== Segment start ==

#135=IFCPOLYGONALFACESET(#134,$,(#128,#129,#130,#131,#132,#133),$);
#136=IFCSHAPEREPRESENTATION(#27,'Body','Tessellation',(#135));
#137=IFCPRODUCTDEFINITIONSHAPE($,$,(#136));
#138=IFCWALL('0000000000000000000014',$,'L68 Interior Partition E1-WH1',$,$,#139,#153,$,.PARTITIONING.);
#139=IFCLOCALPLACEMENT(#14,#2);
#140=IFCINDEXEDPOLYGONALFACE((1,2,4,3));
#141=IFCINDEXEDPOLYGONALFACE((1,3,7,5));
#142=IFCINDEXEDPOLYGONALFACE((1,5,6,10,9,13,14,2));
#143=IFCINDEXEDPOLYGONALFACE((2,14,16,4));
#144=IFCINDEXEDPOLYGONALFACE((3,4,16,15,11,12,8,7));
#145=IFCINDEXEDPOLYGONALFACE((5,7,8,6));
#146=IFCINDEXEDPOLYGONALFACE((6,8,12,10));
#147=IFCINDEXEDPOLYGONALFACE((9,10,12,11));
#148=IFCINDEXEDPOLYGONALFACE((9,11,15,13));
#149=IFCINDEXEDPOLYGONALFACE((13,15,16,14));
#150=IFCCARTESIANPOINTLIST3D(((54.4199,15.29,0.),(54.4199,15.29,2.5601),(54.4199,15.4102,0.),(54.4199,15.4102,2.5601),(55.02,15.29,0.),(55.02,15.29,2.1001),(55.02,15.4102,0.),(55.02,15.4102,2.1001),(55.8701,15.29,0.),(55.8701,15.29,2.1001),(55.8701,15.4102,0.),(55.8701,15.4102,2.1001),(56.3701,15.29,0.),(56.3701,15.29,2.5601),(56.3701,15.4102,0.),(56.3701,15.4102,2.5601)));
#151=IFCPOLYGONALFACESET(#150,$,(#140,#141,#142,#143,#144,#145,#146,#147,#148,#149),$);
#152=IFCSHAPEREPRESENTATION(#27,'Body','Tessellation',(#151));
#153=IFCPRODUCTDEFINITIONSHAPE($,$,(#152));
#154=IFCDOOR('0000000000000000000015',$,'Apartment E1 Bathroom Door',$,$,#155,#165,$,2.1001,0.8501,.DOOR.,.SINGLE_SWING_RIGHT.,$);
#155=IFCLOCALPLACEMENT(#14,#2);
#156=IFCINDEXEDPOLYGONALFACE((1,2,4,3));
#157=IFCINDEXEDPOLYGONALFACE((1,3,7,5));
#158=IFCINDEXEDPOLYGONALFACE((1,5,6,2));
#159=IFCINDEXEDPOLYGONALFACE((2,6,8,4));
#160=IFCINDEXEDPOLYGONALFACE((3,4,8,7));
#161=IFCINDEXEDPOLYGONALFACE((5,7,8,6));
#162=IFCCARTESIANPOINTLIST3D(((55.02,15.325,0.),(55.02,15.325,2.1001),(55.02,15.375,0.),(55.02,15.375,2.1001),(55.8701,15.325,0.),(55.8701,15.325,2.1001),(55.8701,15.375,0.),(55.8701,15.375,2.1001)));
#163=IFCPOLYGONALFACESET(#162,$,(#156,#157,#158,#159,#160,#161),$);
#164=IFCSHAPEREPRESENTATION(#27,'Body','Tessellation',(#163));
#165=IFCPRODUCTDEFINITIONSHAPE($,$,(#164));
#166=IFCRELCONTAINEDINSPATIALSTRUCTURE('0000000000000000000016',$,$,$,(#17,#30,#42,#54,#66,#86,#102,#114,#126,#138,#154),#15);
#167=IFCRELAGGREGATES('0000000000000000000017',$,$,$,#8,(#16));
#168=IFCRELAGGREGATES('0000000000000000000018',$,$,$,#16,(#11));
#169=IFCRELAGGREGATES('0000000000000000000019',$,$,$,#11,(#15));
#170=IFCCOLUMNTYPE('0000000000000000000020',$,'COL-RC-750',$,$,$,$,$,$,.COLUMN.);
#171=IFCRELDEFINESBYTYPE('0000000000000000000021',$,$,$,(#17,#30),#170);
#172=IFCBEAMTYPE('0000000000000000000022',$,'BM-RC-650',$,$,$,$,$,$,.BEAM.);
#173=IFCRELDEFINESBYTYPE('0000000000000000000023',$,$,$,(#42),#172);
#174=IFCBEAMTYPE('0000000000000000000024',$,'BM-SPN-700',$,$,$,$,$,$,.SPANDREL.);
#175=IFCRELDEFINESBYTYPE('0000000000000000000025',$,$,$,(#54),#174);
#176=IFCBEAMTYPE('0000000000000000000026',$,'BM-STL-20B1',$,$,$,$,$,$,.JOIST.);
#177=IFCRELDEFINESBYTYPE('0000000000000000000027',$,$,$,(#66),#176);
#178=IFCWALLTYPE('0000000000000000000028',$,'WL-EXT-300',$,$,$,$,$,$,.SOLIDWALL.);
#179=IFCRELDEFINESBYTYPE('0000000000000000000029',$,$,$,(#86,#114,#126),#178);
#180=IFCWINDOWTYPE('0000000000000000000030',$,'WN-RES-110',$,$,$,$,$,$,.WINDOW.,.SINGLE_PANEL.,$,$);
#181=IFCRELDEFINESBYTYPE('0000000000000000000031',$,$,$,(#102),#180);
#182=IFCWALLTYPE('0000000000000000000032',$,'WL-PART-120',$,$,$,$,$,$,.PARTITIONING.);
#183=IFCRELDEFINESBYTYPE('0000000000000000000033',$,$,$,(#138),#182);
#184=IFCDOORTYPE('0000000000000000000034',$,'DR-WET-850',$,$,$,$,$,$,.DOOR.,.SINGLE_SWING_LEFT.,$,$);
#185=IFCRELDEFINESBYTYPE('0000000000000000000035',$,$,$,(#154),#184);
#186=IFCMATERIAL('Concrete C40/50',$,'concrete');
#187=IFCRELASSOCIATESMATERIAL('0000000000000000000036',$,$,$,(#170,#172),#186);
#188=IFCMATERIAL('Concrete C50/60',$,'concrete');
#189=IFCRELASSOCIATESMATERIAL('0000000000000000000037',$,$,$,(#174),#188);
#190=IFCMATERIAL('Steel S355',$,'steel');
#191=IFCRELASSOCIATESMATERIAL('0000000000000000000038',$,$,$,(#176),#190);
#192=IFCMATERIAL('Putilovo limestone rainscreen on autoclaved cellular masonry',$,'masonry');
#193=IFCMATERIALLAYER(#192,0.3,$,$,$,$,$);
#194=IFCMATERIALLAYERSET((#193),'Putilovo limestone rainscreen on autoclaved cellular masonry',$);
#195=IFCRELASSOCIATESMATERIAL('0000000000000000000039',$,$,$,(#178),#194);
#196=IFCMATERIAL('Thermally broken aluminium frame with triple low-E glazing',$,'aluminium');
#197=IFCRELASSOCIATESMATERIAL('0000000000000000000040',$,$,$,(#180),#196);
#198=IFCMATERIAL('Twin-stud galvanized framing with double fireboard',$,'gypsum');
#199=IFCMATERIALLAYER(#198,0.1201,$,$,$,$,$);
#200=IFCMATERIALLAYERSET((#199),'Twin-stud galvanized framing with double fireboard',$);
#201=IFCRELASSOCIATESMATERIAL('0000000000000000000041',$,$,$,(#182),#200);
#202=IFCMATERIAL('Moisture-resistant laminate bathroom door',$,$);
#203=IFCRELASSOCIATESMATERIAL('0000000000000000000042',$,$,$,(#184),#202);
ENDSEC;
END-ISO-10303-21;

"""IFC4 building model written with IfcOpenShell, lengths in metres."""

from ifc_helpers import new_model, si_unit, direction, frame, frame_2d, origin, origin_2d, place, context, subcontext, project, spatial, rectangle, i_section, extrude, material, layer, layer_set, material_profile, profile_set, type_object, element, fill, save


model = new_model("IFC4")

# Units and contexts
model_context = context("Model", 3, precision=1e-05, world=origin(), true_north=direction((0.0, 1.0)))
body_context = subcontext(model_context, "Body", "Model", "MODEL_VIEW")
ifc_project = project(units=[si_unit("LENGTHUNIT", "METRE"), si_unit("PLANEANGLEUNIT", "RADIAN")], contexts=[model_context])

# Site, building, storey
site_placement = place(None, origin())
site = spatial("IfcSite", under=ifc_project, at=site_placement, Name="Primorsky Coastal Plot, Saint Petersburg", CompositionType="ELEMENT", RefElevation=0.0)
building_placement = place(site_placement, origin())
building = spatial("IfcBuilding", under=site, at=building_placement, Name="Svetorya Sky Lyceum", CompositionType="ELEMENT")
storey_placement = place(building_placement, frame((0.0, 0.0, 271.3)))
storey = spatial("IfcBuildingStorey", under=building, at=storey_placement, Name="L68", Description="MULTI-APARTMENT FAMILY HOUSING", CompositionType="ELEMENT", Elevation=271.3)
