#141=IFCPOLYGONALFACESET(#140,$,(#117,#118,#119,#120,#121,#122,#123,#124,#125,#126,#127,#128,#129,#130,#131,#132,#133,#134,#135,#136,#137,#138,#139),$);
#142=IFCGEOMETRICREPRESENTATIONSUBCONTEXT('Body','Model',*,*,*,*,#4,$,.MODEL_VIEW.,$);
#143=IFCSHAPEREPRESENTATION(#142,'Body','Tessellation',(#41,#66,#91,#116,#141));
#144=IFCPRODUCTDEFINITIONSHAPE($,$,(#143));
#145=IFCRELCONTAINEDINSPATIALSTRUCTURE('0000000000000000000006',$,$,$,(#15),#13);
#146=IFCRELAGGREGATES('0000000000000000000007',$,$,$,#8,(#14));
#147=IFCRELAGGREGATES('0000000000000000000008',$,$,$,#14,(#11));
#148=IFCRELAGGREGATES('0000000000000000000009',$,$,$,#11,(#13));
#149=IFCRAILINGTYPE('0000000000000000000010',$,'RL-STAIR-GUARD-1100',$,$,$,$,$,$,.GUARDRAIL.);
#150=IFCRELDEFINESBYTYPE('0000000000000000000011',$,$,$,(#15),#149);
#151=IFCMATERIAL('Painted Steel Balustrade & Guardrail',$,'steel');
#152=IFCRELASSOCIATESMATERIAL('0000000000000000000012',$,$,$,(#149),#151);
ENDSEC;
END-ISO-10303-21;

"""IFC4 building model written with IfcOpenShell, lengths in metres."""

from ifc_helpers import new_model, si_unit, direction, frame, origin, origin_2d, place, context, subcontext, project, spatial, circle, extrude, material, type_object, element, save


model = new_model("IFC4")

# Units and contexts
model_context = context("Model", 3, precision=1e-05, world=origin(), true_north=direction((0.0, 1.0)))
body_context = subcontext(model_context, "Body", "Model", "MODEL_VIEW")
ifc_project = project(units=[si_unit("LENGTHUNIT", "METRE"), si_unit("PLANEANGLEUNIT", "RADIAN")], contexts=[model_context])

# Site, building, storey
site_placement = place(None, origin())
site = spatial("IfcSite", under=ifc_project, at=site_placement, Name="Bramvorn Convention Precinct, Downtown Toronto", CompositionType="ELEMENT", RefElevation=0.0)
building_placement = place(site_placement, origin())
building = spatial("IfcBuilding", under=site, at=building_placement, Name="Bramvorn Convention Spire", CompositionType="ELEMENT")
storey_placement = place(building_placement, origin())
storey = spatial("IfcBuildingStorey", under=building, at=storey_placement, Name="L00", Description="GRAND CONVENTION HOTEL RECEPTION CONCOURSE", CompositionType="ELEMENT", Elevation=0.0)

== Segment end ==
== Segment start ==

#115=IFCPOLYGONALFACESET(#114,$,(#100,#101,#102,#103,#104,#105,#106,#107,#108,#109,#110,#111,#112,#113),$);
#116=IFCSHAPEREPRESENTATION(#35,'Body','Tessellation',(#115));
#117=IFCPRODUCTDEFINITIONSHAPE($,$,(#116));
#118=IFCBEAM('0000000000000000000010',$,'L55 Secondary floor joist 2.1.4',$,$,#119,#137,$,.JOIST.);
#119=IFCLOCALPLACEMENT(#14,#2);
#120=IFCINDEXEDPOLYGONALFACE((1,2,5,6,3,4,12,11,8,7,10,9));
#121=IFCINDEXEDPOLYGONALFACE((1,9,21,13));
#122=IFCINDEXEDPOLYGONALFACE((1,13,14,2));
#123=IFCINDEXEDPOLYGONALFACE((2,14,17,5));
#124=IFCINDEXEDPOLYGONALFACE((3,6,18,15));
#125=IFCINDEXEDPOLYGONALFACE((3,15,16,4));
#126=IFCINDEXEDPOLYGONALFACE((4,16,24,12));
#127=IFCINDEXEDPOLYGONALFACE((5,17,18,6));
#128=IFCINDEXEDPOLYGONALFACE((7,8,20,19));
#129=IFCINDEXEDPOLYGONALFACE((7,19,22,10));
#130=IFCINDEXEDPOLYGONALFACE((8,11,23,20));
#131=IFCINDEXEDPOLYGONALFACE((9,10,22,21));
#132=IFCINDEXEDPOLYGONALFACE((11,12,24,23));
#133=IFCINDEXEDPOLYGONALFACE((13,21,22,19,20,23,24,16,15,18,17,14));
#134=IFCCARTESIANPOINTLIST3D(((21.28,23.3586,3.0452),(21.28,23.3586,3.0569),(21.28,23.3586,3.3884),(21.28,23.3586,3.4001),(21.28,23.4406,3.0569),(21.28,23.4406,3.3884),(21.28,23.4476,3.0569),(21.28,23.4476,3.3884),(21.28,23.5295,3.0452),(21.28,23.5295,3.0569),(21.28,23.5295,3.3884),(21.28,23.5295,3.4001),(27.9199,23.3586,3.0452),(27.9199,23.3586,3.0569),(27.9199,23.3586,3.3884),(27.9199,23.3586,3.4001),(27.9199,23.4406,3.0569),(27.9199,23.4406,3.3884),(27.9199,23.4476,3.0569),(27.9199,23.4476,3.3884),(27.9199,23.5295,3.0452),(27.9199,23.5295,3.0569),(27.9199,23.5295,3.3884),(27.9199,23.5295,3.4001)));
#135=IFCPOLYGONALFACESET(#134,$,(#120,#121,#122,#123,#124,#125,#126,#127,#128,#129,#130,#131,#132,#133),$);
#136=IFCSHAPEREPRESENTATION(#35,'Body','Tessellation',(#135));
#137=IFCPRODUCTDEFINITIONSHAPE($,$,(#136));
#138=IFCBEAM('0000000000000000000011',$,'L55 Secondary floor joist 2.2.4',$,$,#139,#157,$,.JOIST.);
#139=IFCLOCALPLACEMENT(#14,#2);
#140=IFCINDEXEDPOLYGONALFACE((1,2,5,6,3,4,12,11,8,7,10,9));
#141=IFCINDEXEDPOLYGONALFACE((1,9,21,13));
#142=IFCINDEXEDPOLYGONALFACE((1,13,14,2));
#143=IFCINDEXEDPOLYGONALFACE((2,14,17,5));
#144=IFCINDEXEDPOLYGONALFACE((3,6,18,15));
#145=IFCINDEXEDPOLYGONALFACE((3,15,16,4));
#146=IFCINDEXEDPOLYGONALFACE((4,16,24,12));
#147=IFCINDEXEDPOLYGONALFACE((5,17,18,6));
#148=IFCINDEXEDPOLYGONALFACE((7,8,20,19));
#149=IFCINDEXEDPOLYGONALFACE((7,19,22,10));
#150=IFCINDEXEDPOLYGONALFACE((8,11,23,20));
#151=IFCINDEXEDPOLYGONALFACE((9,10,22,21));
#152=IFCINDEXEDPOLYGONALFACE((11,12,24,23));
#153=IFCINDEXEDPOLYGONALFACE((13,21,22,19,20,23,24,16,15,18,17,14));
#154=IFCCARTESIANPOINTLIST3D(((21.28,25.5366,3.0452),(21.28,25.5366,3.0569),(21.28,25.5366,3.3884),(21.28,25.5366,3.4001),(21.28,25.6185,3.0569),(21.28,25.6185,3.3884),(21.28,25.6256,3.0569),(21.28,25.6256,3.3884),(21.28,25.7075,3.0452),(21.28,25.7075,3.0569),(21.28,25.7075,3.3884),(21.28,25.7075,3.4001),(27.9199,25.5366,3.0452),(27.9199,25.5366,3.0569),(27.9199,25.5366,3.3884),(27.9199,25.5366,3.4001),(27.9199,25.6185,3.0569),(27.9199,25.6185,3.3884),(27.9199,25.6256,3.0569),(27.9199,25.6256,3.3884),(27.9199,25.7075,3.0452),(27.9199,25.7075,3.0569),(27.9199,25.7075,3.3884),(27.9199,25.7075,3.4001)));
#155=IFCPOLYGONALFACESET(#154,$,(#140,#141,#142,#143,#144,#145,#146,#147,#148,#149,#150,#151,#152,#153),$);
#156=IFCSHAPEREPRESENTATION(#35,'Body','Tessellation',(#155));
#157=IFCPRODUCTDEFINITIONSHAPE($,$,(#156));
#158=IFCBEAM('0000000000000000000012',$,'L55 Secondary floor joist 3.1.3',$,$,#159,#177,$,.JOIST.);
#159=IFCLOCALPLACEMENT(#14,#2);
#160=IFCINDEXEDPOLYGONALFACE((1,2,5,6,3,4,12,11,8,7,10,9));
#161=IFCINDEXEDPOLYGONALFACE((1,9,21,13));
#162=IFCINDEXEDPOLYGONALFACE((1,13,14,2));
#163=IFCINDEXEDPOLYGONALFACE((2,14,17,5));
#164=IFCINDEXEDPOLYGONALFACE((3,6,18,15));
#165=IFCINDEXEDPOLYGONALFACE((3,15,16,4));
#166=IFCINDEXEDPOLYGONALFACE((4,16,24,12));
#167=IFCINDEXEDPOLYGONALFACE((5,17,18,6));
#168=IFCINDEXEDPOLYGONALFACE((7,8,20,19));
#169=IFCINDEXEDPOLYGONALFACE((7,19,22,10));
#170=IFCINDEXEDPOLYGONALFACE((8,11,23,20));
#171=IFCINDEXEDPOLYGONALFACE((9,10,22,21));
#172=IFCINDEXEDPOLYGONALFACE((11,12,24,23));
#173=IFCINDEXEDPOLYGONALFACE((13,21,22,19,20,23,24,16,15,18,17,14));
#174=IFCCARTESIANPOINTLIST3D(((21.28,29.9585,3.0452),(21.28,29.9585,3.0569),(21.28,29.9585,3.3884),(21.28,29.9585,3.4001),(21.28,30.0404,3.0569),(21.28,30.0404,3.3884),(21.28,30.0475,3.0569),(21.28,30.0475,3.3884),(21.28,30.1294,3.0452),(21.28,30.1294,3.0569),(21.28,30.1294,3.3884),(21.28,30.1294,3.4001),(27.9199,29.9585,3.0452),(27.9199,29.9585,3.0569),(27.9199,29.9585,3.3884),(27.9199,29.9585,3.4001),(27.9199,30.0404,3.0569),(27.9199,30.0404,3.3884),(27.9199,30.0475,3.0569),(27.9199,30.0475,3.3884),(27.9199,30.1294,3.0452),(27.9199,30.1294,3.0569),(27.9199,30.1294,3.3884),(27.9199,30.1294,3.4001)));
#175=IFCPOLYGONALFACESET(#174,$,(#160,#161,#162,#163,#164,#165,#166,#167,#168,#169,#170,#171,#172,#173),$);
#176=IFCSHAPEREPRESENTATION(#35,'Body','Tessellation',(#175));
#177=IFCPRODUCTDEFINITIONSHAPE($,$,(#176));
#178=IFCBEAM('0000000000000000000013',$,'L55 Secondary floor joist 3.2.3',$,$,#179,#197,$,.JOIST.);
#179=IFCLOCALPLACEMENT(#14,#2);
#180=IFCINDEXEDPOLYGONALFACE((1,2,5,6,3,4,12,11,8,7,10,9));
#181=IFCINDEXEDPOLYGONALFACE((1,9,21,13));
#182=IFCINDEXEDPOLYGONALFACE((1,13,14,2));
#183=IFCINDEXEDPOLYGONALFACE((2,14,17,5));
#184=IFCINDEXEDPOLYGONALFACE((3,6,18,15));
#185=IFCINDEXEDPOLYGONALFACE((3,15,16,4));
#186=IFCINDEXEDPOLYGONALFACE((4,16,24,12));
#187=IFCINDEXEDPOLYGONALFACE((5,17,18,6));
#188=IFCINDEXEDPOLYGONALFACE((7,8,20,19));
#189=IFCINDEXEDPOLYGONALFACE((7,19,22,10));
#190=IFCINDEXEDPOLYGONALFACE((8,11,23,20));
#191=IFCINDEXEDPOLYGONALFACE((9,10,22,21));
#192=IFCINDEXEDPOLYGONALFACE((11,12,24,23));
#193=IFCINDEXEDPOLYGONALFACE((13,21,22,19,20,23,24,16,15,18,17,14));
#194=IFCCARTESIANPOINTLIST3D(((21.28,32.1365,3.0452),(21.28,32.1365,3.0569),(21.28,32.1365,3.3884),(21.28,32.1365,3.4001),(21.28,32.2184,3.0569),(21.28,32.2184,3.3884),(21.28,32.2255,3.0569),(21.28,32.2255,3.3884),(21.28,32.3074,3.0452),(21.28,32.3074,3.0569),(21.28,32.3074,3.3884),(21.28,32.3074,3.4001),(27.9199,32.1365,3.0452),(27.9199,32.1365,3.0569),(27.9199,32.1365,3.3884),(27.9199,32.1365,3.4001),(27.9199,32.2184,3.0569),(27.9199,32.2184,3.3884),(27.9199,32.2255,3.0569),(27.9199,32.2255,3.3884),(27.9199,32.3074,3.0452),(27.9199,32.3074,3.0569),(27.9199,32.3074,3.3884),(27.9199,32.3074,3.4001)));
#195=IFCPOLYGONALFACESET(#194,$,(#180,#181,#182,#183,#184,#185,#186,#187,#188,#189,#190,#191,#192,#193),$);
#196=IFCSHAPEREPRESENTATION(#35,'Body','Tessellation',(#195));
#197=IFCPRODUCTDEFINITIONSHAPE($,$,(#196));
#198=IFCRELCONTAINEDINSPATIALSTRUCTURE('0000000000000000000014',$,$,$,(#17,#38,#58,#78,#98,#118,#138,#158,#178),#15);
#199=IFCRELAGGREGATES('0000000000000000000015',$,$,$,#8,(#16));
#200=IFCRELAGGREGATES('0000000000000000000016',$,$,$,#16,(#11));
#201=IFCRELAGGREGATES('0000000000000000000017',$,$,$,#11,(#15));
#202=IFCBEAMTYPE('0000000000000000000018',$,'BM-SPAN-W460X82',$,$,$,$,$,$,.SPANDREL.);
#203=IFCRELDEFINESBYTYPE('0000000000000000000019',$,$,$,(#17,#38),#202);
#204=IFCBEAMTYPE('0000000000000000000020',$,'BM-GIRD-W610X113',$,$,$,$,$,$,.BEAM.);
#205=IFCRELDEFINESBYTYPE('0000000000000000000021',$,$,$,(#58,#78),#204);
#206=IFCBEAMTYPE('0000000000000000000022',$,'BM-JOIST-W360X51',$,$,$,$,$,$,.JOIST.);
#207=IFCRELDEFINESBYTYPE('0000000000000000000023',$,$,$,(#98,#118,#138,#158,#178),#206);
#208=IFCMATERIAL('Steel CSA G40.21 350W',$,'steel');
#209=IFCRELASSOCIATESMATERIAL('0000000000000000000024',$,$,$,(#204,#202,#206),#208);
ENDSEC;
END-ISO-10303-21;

== Segment end ==

### ASSIGNMENT
Scan the records above and show every line in which the word "Secondary" occurs.

### OUTPUT FOR THIS TASK
#118=IFCBEAM('0000000000000000000010',$,'L55 Secondary floor joist 2.1.4',$,$,#119,#137,$,.JOIST.);
#138=IFCBEAM('0000000000000000000011',$,'L55 Secondary floor joist 2.2.4',$,$,#139,#157,$,.JOIST.);
#158=IFCBEAM('0000000000000000000012',$,'L55 Secondary floor joist 3.1.3',$,$,#159,#177,$,.JOIST.);
#178=IFCBEAM('0000000000000000000013',$,'L55 Secondary floor joist 3.2.3',$,$,#179,#197,$,.JOIST.);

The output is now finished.